▶ **EXERCISE DATA**
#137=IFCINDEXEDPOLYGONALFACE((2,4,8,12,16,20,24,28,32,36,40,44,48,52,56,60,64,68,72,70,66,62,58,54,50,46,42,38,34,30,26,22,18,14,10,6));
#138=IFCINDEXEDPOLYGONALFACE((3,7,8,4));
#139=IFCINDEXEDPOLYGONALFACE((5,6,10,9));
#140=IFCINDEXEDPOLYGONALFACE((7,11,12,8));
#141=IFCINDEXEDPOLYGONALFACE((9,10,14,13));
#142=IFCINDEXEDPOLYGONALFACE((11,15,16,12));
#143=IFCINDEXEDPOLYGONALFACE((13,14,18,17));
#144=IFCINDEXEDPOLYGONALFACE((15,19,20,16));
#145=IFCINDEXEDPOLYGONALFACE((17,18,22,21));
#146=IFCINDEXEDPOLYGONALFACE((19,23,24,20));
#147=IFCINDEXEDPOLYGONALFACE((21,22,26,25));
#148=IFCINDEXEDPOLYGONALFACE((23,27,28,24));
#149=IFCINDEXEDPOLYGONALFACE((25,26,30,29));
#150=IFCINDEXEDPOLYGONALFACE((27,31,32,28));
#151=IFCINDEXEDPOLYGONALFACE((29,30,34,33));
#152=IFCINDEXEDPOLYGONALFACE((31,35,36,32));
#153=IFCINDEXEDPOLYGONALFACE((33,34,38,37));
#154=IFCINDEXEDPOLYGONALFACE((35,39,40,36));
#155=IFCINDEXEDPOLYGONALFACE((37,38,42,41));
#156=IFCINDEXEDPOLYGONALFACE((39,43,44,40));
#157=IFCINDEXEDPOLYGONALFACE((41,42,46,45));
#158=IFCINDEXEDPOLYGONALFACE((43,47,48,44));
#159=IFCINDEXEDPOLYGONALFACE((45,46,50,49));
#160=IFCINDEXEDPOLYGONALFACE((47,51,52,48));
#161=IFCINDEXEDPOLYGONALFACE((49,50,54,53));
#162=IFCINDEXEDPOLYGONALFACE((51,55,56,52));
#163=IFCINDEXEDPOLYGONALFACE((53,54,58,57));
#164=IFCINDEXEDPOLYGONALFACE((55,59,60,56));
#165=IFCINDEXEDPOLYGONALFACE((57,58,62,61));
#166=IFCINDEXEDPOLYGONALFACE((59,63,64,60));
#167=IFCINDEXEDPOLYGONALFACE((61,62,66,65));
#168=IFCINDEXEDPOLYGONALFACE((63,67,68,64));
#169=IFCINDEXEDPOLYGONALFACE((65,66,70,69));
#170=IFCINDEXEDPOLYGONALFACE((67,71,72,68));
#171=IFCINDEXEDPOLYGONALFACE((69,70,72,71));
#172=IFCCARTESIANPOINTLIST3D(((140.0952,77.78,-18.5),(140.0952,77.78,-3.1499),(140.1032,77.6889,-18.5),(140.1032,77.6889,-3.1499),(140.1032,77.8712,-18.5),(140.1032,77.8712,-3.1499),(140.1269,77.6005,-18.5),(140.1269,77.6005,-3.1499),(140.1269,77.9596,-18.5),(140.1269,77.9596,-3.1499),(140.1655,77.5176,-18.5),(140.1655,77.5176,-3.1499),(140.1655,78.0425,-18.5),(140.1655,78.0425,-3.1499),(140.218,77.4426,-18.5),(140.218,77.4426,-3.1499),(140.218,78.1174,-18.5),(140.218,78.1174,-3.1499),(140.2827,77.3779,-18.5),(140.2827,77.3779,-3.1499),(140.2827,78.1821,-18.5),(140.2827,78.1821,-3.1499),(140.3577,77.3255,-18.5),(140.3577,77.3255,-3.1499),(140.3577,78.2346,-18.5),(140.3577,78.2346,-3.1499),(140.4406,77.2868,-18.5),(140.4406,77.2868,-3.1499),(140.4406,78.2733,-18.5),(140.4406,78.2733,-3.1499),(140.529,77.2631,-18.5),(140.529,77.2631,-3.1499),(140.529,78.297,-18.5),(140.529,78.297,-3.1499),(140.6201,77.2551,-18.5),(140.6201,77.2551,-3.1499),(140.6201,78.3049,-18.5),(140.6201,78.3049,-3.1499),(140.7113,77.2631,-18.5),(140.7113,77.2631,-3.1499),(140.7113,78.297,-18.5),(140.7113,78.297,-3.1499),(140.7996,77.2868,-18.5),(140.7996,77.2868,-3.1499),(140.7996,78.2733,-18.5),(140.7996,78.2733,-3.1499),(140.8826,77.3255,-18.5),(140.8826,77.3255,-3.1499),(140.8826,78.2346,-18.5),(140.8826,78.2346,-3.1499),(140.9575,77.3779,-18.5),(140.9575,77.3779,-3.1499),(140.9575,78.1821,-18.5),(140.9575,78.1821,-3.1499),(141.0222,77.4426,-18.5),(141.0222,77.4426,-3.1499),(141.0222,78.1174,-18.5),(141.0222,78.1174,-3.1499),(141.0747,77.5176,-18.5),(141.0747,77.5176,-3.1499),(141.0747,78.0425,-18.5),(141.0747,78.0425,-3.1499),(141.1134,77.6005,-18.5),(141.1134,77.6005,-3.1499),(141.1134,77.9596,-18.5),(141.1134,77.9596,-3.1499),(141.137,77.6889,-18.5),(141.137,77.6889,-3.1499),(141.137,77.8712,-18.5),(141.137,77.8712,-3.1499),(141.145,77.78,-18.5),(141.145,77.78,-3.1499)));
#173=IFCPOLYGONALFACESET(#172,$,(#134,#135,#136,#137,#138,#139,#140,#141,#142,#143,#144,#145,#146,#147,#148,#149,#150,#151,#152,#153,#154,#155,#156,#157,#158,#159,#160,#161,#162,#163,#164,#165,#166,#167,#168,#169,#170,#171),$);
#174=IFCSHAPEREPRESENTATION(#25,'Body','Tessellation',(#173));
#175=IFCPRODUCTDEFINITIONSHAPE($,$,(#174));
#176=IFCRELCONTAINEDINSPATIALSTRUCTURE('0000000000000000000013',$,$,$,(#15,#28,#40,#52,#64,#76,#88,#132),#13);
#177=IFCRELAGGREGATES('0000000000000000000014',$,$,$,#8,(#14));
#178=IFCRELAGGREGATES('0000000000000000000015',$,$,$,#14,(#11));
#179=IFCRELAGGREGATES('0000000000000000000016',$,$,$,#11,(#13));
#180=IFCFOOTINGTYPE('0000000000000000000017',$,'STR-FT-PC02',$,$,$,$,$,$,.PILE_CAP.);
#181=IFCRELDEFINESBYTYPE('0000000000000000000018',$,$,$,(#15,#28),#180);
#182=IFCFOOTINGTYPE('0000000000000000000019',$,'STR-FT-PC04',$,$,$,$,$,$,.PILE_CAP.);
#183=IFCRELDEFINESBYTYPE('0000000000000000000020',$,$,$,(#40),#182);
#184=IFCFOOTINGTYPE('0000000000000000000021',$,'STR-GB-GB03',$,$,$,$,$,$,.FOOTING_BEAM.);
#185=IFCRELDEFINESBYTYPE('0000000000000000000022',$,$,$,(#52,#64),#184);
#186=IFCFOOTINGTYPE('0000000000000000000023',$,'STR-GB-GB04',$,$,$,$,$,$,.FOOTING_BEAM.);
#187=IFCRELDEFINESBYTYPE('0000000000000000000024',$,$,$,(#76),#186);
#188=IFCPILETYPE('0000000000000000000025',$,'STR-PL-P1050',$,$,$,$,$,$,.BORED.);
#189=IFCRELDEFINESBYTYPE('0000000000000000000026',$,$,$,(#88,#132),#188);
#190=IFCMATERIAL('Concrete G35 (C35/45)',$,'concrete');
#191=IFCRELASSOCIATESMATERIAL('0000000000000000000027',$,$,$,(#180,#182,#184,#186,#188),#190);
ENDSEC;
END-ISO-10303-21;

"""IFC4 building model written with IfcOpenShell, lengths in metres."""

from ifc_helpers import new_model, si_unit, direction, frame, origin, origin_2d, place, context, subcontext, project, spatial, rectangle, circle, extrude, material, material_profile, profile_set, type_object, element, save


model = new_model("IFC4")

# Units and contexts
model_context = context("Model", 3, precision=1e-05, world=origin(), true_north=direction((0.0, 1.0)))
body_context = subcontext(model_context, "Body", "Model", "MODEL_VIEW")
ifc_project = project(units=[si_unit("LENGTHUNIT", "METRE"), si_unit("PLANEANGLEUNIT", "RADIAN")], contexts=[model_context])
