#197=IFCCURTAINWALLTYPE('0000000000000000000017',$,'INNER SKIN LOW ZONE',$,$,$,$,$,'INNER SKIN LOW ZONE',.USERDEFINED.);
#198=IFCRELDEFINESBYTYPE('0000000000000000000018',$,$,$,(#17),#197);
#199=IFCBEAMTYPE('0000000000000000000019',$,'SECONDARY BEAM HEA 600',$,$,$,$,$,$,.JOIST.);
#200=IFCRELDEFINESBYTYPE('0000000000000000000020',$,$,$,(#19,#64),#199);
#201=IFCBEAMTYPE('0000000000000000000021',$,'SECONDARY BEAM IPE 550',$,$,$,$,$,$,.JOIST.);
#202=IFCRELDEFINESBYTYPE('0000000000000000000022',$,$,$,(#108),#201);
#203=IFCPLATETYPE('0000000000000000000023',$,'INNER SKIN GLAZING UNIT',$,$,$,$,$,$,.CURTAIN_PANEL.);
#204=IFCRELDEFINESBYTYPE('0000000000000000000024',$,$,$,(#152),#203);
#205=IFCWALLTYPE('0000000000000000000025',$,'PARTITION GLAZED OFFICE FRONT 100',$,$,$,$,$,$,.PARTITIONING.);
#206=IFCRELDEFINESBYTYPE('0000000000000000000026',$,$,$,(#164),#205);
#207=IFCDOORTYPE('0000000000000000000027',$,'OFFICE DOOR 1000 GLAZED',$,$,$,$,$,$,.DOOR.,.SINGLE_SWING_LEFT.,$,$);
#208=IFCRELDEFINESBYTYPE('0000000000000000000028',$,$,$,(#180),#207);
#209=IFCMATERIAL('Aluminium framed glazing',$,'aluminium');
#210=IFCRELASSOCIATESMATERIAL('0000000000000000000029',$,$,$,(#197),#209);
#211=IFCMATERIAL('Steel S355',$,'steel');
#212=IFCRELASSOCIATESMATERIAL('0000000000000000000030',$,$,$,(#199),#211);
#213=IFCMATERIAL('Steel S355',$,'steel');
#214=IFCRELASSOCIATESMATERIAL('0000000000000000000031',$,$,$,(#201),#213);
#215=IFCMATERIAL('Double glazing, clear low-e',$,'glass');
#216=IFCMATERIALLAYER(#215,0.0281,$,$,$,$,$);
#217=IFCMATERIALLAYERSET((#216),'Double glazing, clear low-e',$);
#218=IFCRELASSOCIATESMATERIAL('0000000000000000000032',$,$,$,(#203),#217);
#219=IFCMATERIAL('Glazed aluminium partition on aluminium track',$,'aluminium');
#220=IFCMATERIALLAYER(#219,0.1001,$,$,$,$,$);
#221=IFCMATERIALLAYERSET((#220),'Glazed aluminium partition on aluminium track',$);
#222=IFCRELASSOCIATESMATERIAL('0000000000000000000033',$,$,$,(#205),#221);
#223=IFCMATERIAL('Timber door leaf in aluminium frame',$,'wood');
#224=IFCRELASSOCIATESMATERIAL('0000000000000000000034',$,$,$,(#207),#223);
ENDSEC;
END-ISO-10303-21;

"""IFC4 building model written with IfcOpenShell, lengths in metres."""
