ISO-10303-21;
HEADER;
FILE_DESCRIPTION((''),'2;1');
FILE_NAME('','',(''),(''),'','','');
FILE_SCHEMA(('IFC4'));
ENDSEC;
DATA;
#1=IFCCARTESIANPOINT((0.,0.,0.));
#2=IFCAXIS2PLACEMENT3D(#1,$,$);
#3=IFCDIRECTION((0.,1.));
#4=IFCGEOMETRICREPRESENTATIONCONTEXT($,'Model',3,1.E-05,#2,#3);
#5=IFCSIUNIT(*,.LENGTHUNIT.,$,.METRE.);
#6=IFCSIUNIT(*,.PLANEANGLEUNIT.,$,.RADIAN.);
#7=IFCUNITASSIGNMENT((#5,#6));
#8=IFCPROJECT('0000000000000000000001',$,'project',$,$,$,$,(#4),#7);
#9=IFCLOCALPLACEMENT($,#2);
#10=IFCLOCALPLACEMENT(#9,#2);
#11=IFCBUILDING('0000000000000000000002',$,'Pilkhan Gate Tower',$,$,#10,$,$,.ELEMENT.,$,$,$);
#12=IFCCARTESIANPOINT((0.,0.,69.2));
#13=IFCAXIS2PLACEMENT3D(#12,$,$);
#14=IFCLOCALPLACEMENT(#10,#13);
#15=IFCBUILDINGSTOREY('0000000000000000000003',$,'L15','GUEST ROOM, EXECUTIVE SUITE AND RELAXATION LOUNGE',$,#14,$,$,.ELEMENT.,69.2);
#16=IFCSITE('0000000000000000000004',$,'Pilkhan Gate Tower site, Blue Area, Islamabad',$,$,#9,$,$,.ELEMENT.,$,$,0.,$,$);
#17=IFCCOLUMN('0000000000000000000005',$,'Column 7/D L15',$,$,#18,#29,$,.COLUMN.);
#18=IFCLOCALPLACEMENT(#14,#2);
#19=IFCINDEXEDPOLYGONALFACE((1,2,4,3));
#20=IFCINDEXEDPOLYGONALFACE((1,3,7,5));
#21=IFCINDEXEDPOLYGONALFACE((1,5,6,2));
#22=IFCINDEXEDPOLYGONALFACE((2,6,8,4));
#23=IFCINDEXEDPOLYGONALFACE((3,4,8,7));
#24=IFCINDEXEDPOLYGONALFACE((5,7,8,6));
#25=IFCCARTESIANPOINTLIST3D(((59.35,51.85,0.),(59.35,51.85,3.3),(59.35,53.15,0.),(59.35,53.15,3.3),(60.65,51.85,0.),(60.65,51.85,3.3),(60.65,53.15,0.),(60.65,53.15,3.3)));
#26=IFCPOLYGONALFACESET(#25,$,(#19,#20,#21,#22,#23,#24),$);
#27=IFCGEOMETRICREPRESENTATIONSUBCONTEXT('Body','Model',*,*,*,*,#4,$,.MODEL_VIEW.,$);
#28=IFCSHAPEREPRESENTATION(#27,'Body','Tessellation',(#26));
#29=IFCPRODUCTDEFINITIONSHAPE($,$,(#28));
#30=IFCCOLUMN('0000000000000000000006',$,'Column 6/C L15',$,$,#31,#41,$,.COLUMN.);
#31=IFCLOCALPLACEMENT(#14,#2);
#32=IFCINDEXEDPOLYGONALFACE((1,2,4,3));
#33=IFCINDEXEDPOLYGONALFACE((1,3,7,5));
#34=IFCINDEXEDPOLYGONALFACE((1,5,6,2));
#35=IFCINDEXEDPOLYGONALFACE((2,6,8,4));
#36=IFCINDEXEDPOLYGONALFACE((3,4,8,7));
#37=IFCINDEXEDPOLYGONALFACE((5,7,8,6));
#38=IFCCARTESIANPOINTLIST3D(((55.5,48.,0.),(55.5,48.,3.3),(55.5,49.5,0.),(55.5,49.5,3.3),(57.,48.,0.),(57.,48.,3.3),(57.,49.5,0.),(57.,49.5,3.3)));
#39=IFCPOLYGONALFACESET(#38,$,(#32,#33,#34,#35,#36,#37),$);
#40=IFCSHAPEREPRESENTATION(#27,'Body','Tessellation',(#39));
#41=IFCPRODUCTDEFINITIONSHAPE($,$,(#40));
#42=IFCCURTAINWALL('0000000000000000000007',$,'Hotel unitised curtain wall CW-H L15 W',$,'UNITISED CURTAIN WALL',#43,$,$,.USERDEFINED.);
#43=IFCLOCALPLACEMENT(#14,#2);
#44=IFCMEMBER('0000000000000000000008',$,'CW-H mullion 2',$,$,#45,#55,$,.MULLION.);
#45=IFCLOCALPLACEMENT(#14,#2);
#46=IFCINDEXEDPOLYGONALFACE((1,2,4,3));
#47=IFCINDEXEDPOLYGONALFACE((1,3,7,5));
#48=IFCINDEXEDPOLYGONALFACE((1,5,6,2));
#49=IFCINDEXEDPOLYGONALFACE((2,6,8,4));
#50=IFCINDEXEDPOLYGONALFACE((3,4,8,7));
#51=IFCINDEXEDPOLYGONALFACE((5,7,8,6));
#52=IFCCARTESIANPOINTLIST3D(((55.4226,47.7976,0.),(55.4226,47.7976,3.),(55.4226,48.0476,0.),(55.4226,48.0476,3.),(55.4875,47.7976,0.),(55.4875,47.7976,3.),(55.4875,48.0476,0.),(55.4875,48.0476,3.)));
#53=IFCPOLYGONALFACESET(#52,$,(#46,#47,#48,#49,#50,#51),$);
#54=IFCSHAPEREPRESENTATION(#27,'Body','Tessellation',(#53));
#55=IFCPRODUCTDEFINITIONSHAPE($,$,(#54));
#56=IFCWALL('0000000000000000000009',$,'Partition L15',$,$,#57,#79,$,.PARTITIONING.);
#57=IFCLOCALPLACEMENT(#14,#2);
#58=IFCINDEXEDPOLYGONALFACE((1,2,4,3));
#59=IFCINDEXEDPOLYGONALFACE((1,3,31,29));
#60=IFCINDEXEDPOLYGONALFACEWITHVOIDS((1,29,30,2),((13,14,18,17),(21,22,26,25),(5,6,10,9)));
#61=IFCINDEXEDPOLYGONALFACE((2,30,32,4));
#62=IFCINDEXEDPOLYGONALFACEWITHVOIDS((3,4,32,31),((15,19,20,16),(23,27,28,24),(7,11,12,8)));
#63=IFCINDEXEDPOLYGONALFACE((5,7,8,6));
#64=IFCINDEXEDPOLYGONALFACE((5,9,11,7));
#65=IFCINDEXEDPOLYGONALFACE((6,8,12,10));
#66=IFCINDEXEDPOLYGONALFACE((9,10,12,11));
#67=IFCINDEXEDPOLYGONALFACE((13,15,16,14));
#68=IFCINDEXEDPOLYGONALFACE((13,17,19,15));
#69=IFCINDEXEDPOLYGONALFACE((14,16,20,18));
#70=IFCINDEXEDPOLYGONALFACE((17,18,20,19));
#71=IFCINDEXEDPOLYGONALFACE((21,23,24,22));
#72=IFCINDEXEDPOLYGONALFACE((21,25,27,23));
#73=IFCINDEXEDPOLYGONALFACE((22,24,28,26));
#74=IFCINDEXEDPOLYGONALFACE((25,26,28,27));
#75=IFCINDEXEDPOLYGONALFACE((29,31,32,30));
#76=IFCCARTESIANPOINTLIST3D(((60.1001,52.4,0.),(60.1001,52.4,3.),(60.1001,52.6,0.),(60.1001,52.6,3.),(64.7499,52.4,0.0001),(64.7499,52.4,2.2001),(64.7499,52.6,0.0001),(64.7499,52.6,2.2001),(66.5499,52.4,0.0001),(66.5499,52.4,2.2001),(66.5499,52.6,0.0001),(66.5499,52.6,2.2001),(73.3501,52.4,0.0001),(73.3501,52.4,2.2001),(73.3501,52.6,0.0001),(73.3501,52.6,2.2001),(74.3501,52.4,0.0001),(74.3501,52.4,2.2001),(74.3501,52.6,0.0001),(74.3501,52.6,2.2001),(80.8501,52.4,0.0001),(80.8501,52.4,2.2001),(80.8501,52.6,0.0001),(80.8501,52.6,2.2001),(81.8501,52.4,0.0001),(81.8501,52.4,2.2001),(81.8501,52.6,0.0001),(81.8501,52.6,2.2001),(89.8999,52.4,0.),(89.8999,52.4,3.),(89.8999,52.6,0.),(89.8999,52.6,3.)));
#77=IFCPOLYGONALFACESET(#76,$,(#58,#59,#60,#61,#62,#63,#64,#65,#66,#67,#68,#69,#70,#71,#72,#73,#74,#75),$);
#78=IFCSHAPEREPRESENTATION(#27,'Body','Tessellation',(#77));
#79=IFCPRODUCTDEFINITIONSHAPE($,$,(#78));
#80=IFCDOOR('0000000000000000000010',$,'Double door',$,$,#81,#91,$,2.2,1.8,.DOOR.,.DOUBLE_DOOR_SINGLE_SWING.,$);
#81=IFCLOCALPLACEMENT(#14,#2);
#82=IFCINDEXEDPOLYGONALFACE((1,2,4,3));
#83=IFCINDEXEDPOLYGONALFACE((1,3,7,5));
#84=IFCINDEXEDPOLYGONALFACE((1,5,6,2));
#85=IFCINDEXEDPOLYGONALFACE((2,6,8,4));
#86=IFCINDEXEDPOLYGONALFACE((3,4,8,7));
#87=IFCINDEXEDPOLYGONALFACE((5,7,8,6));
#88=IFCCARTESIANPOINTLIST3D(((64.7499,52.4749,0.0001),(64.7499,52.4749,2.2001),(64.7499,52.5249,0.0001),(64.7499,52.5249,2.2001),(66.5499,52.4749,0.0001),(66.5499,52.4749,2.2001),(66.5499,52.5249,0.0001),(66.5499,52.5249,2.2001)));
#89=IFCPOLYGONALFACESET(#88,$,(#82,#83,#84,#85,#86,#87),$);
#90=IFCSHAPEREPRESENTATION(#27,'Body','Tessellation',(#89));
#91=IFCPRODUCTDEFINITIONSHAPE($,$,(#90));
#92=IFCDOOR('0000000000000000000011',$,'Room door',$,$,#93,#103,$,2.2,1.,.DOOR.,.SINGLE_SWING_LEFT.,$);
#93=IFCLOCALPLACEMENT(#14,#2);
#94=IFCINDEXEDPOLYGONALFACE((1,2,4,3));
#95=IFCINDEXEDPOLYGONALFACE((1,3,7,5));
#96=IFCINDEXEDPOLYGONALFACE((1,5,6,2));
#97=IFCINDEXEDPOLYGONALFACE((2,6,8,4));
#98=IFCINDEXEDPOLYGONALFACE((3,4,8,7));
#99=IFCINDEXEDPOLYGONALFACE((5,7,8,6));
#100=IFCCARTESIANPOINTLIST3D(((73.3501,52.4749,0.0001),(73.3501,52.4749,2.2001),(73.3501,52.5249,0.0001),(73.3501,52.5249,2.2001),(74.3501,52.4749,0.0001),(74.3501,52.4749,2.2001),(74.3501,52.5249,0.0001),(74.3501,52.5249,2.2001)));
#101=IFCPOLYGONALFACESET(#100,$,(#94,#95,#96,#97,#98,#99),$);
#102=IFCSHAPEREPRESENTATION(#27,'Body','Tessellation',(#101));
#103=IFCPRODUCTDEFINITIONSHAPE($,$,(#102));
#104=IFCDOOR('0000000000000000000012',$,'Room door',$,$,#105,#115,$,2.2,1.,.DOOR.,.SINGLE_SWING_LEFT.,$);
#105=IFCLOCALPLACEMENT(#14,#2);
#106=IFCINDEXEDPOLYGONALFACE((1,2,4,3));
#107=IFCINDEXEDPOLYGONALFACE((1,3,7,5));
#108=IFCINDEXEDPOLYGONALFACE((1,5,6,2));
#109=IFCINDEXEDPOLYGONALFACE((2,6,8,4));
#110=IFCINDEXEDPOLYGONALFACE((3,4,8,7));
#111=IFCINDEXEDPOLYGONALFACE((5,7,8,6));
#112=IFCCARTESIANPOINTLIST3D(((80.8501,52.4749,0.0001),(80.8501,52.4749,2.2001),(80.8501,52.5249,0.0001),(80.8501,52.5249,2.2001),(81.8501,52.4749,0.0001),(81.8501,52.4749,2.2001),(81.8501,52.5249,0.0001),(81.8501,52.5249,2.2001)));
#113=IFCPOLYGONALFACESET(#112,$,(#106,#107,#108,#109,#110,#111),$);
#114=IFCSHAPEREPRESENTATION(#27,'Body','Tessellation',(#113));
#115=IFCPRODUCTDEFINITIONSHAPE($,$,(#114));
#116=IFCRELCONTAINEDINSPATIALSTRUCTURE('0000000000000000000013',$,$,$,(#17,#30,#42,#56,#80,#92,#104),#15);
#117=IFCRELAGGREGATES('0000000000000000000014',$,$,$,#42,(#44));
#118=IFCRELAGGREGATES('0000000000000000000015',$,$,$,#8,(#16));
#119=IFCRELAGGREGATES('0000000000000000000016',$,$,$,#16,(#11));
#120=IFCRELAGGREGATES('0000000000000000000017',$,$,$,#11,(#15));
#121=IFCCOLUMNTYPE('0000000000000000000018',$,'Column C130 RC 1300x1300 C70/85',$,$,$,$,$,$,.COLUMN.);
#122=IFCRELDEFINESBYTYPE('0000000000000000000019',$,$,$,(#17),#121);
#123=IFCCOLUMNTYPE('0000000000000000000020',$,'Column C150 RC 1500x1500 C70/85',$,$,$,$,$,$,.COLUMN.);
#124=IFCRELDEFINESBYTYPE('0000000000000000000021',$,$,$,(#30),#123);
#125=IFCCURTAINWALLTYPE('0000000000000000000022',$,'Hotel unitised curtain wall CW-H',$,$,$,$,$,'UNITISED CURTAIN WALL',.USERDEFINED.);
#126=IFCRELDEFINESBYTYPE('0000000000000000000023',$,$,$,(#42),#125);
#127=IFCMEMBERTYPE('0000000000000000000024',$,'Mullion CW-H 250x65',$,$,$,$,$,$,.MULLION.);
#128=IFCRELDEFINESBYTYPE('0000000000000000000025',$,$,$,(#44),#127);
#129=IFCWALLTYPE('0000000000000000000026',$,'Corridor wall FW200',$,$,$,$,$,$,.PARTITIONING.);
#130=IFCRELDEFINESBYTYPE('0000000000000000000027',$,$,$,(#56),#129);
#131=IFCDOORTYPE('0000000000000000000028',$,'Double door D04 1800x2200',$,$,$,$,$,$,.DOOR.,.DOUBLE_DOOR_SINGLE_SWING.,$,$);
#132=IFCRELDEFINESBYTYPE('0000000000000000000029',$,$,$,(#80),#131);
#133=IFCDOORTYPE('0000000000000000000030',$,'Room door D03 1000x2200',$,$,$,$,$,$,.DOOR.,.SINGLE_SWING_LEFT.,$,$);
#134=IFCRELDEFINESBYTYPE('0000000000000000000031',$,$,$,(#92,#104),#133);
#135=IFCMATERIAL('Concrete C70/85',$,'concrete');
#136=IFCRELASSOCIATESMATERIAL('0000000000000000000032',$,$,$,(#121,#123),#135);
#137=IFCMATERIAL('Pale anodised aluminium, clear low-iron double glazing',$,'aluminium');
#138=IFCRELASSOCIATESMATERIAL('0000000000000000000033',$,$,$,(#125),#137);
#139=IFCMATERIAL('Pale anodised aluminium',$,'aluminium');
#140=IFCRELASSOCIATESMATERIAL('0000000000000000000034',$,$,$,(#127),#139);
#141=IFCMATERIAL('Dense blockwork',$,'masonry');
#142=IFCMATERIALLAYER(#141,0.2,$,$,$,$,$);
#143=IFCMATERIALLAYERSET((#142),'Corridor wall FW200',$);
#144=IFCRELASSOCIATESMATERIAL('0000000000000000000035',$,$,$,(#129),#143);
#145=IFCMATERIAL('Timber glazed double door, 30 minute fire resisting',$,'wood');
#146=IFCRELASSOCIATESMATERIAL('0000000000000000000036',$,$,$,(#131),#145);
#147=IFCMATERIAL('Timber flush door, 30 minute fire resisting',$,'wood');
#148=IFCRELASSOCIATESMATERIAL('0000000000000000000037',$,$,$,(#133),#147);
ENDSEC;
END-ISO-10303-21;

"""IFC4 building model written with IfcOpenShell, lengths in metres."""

from ifc_helpers import new_model, si_unit, direction, frame, frame_2d, origin, origin_2d, place, context, subcontext, project, spatial, rectangle, extrude, material, layer, layer_set, material_profile, profile_set, type_object, element, fill, aggregate, save


model = new_model("IFC4")

# Units and contexts
model_context = context("Model", 3, precision=1e-05, world=origin(), true_north=direction((0.0, 1.0)))
body_context = subcontext(model_context, "Body", "Model", "MODEL_VIEW")
ifc_project = project(units=[si_unit("LENGTHUNIT", "METRE"), si_unit("PLANEANGLEUNIT", "RADIAN")], contexts=[model_context])

# Site, building, storey
site_placement = place(None, origin())
site = spatial("IfcSite", under=ifc_project, at=site_placement, Name="Pilkhan Gate Tower site, Blue Area, Islamabad", CompositionType="ELEMENT", RefElevation=0.0)
building_placement = place(site_placement, origin())
building = spatial("IfcBuilding", under=site, at=building_placement, Name="Pilkhan Gate Tower", CompositionType="ELEMENT")
storey_placement = place(building_placement, frame((0.0, 0.0, 69.2)))
storey = spatial("IfcBuildingStorey", under=building, at=storey_placement, Name="L15", Description="GUEST ROOM, EXECUTIVE SUITE AND RELAXATION LOUNGE", CompositionType="ELEMENT", Elevation=69.2)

▶ **ACTIVITY**
Please restate only the opening stretch of the records above: every line from the first through the one containing "#171=IFCINDEXEDPOLYGONALFACE((69,70,72,71));", exactly as written.

▶ **RESPONSE**
#137=IFCINDEXEDPOLYGONALFACE((2,4,8,12,16,20,24,28,32,36,40,44,48,52,56,60,64,68,72,70,66,62,58,54,50,46,42,38,34,30,26,22,18,14,10,6));
#138=IFCINDEXEDPOLYGONALFACE((3,7,8,4));
#139=IFCINDEXEDPOLYGONALFACE((5,6,10,9));
#140=IFCINDEXEDPOLYGONALFACE((7,11,12,8));
#141=IFCINDEXEDPOLYGONALFACE((9,10,14,13));
#142=IFCINDEXEDPOLYGONALFACE((11,15,16,12));
#143=IFCINDEXEDPOLYGONALFACE((13,14,18,17));
#144=IFCINDEXEDPOLYGONALFACE((15,19,20,16));
#145=IFCINDEXEDPOLYGONALFACE((17,18,22,21));
#146=IFCINDEXEDPOLYGONALFACE((19,23,24,20));
#147=IFCINDEXEDPOLYGONALFACE((21,22,26,25));
#148=IFCINDEXEDPOLYGONALFACE((23,27,28,24));
#149=IFCINDEXEDPOLYGONALFACE((25,26,30,29));
#150=IFCINDEXEDPOLYGONALFACE((27,31,32,28));
#151=IFCINDEXEDPOLYGONALFACE((29,30,34,33));
#152=IFCINDEXEDPOLYGONALFACE((31,35,36,32));
#153=IFCINDEXEDPOLYGONALFACE((33,34,38,37));
#154=IFCINDEXEDPOLYGONALFACE((35,39,40,36));
#155=IFCINDEXEDPOLYGONALFACE((37,38,42,41));
#156=IFCINDEXEDPOLYGONALFACE((39,43,44,40));
#157=IFCINDEXEDPOLYGONALFACE((41,42,46,45));
#158=IFCINDEXEDPOLYGONALFACE((43,47,48,44));
#159=IFCINDEXEDPOLYGONALFACE((45,46,50,49));
#160=IFCINDEXEDPOLYGONALFACE((47,51,52,48));
#161=IFCINDEXEDPOLYGONALFACE((49,50,54,53));
#162=IFCINDEXEDPOLYGONALFACE((51,55,56,52));
#163=IFCINDEXEDPOLYGONALFACE((53,54,58,57));
#164=IFCINDEXEDPOLYGONALFACE((55,59,60,56));
#165=IFCINDEXEDPOLYGONALFACE((57,58,62,61));
#166=IFCINDEXEDPOLYGONALFACE((59,63,64,60));
#167=IFCINDEXEDPOLYGONALFACE((61,62,66,65));
#168=IFCINDEXEDPOLYGONALFACE((63,67,68,64));
#169=IFCINDEXEDPOLYGONALFACE((65,66,70,69));
#170=IFCINDEXEDPOLYGONALFACE((67,71,72,68));
#171=IFCINDEXEDPOLYGONALFACE((69,70,72,71));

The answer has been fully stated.